TASK REQUIREMENTS: If a line of the data below holds the word "resistant", list it.

DATA TO EXAMINE:
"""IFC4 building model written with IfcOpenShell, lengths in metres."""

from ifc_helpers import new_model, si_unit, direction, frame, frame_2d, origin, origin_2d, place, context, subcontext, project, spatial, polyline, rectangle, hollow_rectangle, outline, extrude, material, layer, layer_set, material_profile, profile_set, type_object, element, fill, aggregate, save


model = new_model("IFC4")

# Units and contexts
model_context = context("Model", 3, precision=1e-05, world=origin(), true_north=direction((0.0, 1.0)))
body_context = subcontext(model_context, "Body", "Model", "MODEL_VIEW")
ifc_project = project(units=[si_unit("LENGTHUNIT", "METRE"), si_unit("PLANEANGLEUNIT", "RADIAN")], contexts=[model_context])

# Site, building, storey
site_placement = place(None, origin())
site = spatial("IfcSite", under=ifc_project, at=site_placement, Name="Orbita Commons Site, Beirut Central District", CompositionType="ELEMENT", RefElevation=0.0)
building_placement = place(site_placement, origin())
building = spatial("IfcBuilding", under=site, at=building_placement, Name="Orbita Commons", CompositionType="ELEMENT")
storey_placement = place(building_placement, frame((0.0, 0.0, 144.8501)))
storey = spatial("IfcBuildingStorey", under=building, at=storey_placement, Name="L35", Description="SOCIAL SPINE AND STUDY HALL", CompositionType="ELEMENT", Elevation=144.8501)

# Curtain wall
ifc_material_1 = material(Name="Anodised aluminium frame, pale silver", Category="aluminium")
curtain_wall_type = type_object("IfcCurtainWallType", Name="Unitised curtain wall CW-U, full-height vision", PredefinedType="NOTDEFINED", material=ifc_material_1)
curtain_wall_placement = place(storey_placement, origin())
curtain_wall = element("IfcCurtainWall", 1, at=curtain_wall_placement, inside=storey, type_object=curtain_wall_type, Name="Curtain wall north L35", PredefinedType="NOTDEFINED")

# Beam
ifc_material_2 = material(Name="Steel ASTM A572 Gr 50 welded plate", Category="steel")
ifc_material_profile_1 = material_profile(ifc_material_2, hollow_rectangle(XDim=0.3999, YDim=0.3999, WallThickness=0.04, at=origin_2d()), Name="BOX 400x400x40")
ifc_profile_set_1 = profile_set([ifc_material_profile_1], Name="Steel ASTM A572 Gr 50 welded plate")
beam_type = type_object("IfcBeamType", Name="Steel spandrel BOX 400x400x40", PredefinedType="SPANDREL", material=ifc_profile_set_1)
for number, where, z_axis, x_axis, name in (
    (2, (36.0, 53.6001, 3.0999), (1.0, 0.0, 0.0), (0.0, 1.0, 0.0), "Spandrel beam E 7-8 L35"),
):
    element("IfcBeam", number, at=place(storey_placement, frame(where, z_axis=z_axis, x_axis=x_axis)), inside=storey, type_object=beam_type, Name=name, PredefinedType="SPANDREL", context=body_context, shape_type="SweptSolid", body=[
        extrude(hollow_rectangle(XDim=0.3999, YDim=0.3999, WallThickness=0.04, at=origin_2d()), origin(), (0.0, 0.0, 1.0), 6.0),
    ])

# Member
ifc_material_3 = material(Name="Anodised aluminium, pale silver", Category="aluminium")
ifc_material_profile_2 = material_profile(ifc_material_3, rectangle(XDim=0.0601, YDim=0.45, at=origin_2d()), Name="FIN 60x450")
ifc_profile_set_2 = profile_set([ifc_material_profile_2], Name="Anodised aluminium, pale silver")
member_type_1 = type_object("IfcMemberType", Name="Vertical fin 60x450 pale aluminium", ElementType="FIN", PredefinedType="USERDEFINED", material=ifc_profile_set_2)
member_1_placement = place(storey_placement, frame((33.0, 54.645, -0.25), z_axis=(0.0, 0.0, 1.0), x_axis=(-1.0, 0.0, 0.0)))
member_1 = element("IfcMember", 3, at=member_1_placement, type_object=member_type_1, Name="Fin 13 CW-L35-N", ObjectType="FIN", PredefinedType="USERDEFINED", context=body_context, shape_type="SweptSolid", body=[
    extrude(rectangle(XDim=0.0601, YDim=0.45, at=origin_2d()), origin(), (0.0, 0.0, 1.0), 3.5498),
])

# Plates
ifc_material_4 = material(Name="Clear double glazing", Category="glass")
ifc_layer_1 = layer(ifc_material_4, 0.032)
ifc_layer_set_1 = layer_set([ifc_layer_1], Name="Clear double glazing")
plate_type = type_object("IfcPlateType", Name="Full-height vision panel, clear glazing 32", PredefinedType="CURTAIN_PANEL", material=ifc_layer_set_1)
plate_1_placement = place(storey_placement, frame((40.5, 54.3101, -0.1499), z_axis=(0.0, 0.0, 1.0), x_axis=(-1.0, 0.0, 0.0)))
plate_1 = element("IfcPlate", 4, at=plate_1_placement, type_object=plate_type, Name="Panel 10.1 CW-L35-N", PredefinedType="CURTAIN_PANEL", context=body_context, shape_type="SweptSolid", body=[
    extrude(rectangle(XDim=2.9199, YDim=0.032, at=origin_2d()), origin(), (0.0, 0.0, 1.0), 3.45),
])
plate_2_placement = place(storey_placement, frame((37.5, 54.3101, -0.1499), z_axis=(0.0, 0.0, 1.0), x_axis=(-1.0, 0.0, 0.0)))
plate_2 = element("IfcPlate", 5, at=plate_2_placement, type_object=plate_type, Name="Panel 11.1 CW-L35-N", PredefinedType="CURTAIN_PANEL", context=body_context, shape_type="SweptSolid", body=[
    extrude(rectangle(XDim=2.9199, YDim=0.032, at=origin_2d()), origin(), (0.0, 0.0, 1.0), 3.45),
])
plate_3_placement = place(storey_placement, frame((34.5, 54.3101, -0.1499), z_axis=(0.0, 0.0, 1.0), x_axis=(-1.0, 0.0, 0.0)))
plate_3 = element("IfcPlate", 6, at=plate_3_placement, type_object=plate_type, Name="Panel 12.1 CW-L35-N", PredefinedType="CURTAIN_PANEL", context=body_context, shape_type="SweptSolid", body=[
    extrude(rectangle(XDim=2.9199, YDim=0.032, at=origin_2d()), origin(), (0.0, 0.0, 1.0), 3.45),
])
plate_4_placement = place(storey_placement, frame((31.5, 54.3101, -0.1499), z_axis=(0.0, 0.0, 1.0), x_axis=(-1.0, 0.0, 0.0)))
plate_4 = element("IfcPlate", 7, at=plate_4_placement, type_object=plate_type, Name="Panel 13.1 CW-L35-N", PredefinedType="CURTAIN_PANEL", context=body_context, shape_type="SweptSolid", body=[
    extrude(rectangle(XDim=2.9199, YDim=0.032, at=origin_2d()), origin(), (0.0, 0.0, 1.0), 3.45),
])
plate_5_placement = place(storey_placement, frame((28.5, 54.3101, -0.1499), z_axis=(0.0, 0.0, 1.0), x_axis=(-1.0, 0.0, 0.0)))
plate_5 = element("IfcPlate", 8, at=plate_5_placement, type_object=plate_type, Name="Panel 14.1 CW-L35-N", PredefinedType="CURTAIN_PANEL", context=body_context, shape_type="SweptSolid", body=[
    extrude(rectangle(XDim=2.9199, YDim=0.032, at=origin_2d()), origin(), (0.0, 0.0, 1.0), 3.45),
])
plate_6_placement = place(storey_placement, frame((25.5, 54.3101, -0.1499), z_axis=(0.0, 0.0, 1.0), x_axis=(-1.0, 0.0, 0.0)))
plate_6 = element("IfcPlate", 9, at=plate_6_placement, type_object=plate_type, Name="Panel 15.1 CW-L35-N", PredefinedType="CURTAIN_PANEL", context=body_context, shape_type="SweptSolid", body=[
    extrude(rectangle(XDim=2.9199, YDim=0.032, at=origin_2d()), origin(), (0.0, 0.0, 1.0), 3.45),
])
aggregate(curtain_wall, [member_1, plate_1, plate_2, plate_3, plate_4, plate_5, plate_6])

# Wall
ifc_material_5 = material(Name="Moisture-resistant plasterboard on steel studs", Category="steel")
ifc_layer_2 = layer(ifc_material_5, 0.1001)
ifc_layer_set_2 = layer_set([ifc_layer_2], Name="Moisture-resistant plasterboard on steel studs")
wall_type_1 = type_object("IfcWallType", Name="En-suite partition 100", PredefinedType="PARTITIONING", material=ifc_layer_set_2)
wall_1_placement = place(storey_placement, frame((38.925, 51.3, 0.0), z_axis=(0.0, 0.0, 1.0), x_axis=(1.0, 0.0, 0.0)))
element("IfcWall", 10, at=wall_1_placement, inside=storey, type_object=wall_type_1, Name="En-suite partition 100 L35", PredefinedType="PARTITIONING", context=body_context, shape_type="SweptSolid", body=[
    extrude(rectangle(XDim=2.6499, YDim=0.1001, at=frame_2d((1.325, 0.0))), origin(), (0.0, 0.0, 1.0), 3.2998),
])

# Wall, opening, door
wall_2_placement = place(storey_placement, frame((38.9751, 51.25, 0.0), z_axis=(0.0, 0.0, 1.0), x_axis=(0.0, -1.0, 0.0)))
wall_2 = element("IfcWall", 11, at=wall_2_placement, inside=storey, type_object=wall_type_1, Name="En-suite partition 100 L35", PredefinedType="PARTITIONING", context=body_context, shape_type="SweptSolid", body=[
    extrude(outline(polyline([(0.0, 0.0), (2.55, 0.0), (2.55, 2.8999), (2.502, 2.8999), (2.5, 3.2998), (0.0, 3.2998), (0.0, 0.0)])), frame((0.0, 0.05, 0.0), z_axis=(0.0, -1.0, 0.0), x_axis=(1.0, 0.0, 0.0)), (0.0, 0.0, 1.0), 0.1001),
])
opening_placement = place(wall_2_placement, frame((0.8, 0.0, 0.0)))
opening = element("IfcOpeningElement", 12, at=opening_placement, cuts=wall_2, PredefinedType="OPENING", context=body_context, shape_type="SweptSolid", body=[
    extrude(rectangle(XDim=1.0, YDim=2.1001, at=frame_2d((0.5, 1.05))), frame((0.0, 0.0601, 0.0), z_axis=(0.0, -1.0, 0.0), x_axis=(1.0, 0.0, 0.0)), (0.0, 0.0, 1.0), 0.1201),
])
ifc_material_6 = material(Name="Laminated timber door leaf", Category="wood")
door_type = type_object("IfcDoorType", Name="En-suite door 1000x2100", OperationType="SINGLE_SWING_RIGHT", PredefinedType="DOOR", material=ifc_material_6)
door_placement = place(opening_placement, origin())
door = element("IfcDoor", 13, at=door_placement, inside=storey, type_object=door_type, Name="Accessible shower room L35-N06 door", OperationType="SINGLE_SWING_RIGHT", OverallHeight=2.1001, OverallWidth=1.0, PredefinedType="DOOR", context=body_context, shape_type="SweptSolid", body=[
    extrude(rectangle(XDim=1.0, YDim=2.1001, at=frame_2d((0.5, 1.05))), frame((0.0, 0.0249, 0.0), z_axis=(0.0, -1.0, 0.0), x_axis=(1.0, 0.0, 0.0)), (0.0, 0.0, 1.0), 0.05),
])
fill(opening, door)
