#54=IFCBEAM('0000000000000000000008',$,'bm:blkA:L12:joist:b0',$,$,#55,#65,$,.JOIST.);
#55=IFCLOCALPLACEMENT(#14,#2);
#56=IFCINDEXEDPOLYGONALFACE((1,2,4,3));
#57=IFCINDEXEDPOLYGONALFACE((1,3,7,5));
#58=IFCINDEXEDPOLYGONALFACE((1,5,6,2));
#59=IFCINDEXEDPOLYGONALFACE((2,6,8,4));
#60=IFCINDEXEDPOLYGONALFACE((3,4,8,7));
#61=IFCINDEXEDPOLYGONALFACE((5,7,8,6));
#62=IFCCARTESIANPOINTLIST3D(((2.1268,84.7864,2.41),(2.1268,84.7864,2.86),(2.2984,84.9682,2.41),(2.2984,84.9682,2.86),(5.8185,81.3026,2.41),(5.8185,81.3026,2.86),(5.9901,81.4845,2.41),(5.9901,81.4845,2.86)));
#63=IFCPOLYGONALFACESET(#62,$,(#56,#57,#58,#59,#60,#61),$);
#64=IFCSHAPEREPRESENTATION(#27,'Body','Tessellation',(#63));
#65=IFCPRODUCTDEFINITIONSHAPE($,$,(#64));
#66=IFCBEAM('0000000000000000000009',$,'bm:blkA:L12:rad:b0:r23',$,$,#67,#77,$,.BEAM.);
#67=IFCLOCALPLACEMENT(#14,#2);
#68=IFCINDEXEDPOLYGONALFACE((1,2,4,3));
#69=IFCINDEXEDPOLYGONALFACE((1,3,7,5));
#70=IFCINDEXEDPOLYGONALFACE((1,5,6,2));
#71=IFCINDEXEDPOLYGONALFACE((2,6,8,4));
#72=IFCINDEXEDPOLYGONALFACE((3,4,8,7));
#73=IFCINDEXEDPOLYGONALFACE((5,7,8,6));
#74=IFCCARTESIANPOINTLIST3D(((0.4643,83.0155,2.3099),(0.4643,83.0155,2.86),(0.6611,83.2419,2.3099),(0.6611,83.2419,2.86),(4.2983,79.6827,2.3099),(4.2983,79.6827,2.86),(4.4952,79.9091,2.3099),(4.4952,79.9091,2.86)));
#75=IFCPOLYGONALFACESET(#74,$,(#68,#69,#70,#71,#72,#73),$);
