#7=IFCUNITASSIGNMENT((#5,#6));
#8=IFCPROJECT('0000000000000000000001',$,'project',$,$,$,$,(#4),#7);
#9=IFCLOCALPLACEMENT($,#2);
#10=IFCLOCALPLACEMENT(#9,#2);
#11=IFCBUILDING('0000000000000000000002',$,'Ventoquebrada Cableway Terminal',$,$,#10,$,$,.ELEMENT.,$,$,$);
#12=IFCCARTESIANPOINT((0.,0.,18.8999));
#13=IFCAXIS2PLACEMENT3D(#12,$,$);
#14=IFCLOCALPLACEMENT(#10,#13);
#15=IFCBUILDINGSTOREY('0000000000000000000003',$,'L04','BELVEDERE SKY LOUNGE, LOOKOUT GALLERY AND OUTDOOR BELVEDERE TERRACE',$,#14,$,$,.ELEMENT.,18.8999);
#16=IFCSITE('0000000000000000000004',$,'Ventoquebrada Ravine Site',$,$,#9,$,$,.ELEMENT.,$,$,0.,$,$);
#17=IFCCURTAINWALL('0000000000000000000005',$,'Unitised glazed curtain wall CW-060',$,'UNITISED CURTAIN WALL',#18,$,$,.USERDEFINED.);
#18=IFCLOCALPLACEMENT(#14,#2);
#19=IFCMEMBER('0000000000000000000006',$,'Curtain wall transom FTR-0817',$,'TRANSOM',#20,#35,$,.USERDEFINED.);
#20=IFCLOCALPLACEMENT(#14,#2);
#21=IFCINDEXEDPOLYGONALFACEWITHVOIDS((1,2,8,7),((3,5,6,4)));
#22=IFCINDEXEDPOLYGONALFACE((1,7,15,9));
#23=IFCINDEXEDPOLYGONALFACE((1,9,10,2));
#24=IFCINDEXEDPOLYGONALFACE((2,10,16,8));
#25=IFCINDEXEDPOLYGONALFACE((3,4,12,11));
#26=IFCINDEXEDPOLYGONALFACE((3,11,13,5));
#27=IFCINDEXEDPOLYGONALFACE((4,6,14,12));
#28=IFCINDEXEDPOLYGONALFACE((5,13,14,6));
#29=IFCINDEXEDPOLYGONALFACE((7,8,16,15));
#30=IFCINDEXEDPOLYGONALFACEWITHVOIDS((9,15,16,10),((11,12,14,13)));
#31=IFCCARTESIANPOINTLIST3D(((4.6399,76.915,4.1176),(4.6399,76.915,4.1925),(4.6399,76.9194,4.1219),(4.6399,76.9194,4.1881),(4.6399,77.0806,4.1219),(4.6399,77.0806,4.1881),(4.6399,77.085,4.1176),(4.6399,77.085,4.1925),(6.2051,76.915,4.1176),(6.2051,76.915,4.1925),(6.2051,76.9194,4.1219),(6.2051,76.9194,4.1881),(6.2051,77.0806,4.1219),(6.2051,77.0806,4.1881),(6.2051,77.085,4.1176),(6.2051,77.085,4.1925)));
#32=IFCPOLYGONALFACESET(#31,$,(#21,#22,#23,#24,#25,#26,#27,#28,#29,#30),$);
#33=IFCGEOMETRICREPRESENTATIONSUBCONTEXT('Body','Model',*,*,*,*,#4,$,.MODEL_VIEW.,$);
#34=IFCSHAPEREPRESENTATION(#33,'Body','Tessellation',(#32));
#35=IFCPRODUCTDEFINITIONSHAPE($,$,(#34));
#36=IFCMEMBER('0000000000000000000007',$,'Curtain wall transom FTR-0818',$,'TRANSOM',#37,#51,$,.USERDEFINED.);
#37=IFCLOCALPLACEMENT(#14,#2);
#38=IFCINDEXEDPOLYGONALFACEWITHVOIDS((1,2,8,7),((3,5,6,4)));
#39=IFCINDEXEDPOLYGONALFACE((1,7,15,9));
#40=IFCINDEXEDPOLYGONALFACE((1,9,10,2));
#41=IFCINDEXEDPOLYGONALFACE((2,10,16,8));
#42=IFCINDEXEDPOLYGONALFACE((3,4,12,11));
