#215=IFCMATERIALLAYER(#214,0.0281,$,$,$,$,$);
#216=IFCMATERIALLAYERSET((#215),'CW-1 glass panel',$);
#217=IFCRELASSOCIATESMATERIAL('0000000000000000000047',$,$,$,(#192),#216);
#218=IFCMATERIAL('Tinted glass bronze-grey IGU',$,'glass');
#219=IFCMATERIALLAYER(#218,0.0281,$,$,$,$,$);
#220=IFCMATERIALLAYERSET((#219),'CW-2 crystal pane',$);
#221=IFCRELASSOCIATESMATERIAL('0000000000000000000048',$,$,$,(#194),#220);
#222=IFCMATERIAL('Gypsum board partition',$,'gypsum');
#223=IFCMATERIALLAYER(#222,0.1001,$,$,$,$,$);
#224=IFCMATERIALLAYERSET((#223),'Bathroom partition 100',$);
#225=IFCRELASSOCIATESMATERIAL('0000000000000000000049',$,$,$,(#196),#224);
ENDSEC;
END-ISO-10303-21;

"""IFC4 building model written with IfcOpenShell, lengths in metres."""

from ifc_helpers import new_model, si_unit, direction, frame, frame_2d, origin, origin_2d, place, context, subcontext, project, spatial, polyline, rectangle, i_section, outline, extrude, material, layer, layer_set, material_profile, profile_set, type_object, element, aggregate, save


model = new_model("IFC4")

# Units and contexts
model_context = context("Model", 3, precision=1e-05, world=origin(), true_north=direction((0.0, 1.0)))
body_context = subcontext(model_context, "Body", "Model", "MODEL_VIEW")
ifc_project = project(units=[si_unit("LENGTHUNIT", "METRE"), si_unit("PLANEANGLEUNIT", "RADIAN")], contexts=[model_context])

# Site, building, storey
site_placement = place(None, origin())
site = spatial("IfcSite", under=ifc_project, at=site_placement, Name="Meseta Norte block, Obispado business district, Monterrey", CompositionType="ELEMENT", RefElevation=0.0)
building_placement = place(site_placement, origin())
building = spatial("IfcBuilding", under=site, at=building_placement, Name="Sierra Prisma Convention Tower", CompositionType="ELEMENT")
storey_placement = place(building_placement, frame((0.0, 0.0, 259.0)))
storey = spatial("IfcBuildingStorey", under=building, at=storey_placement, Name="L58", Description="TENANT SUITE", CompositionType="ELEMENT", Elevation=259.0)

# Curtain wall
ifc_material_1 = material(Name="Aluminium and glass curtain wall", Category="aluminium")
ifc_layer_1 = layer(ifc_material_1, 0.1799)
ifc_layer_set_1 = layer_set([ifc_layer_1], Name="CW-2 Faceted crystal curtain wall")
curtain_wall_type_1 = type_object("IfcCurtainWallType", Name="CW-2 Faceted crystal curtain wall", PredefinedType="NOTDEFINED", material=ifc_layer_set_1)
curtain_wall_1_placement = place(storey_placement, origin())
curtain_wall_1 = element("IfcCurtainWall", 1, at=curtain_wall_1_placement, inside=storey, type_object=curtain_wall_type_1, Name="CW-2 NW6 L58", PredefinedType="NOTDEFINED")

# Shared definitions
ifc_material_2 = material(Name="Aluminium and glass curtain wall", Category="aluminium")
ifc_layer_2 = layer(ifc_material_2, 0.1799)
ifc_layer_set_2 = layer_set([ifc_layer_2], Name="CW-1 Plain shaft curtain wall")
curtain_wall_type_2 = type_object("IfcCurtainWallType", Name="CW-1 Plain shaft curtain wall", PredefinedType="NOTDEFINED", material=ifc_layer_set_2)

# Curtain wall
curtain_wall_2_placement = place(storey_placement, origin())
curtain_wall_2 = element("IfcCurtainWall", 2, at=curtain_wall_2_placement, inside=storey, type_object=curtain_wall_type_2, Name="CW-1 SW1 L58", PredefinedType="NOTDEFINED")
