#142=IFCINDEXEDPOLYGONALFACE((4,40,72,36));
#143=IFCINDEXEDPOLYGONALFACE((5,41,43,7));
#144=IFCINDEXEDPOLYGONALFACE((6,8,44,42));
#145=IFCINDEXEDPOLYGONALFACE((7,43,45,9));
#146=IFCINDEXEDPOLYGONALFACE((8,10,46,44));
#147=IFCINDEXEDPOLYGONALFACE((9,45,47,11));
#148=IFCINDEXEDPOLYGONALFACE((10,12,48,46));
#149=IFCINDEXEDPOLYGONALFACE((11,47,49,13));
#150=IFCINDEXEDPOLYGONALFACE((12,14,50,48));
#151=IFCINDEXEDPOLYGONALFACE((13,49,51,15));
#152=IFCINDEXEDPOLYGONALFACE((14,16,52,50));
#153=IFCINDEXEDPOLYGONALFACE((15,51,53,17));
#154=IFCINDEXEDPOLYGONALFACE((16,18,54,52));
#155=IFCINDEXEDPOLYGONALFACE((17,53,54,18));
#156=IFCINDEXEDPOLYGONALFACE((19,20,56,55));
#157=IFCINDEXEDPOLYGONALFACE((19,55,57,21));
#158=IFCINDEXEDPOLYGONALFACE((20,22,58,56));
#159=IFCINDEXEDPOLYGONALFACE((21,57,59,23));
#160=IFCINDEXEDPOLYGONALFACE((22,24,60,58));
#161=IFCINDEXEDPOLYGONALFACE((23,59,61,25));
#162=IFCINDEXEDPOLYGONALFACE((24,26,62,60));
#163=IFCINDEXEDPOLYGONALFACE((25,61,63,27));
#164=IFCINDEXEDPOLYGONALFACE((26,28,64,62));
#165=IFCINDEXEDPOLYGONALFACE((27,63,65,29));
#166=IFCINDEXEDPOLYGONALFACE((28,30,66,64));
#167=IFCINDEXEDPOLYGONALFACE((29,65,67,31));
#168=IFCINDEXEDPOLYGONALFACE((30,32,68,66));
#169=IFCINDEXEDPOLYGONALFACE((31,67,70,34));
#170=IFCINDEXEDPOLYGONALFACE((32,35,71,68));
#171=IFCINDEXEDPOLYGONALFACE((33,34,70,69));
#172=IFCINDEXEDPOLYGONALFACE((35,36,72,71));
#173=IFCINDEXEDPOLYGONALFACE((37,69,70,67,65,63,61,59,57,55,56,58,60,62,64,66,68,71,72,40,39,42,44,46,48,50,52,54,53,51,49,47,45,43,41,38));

ANSWER FOR THIS EXERCISE:
ifc_material_5 = material(Name="Moisture-resistant plasterboard on steel studs", Category="steel")
ifc_layer_set_2 = layer_set([ifc_layer_2], Name="Moisture-resistant plasterboard on steel studs")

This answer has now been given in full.